— Instructions for the task —
Please retype, unchanged, each line from the top of the material below through the line where "#166=IFCINDEXEDPOLYGONALFACE((39,40,42,41));" appears.

— Dataset —
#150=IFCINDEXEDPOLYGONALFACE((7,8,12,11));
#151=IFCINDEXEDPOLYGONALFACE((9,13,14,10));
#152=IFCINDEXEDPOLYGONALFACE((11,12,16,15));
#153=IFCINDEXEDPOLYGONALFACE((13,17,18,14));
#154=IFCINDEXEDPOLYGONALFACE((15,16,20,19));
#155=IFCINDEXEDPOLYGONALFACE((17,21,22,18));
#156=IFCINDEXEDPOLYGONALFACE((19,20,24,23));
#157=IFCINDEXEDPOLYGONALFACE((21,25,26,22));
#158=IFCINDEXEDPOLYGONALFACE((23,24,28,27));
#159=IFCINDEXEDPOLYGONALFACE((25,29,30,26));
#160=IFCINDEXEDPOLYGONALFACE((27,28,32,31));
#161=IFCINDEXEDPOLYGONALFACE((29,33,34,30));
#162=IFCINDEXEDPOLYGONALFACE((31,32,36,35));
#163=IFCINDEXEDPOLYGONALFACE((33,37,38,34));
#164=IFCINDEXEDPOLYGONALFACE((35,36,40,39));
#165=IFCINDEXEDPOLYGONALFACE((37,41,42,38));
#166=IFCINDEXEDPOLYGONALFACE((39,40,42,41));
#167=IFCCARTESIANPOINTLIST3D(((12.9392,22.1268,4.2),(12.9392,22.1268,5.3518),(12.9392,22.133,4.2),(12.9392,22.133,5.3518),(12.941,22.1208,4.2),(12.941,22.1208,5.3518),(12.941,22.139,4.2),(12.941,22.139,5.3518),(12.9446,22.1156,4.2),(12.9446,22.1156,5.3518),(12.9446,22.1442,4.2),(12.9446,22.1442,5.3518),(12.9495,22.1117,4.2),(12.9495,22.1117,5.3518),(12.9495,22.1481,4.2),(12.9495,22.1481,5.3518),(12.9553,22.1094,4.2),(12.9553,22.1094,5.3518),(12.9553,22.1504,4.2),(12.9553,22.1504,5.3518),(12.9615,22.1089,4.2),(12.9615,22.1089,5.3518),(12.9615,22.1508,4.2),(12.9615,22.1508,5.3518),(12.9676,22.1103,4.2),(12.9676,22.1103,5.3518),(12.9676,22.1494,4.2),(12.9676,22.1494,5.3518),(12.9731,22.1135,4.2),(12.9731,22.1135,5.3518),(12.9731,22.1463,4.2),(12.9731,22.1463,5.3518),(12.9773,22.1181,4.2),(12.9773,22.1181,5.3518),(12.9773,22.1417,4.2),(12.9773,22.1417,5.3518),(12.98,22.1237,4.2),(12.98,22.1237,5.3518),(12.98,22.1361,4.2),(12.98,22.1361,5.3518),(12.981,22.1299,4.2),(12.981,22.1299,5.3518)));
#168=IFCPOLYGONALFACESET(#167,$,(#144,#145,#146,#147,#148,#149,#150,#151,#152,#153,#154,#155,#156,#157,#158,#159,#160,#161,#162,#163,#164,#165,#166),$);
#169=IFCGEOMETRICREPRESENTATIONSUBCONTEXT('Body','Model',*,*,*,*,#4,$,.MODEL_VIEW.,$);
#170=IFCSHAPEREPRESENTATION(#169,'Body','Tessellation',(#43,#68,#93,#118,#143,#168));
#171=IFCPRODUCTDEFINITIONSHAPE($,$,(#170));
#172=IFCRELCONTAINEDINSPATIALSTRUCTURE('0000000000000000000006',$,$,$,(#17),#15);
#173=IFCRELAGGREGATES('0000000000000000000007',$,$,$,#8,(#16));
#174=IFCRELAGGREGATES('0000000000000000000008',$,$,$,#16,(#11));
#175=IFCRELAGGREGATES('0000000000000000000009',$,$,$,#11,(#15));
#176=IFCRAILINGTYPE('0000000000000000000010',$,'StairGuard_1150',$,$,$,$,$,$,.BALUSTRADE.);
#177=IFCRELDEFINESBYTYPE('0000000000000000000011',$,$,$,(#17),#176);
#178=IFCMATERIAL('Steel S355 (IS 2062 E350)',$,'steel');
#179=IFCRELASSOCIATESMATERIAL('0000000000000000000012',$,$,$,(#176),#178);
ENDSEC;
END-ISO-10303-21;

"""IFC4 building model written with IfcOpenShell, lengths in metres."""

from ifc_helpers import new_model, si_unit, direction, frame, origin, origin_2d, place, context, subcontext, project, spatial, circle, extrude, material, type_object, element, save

— Exercise result —
#150=IFCINDEXEDPOLYGONALFACE((7,8,12,11));
#151=IFCINDEXEDPOLYGONALFACE((9,13,14,10));
#152=IFCINDEXEDPOLYGONALFACE((11,12,16,15));
#153=IFCINDEXEDPOLYGONALFACE((13,17,18,14));
#154=IFCINDEXEDPOLYGONALFACE((15,16,20,19));
#155=IFCINDEXEDPOLYGONALFACE((17,21,22,18));
#156=IFCINDEXEDPOLYGONALFACE((19,20,24,23));
#157=IFCINDEXEDPOLYGONALFACE((21,25,26,22));
#158=IFCINDEXEDPOLYGONALFACE((23,24,28,27));
#159=IFCINDEXEDPOLYGONALFACE((25,29,30,26));
#160=IFCINDEXEDPOLYGONALFACE((27,28,32,31));
#161=IFCINDEXEDPOLYGONALFACE((29,33,34,30));
#162=IFCINDEXEDPOLYGONALFACE((31,32,36,35));
#163=IFCINDEXEDPOLYGONALFACE((33,37,38,34));
#164=IFCINDEXEDPOLYGONALFACE((35,36,40,39));
#165=IFCINDEXEDPOLYGONALFACE((37,41,42,38));
#166=IFCINDEXEDPOLYGONALFACE((39,40,42,41));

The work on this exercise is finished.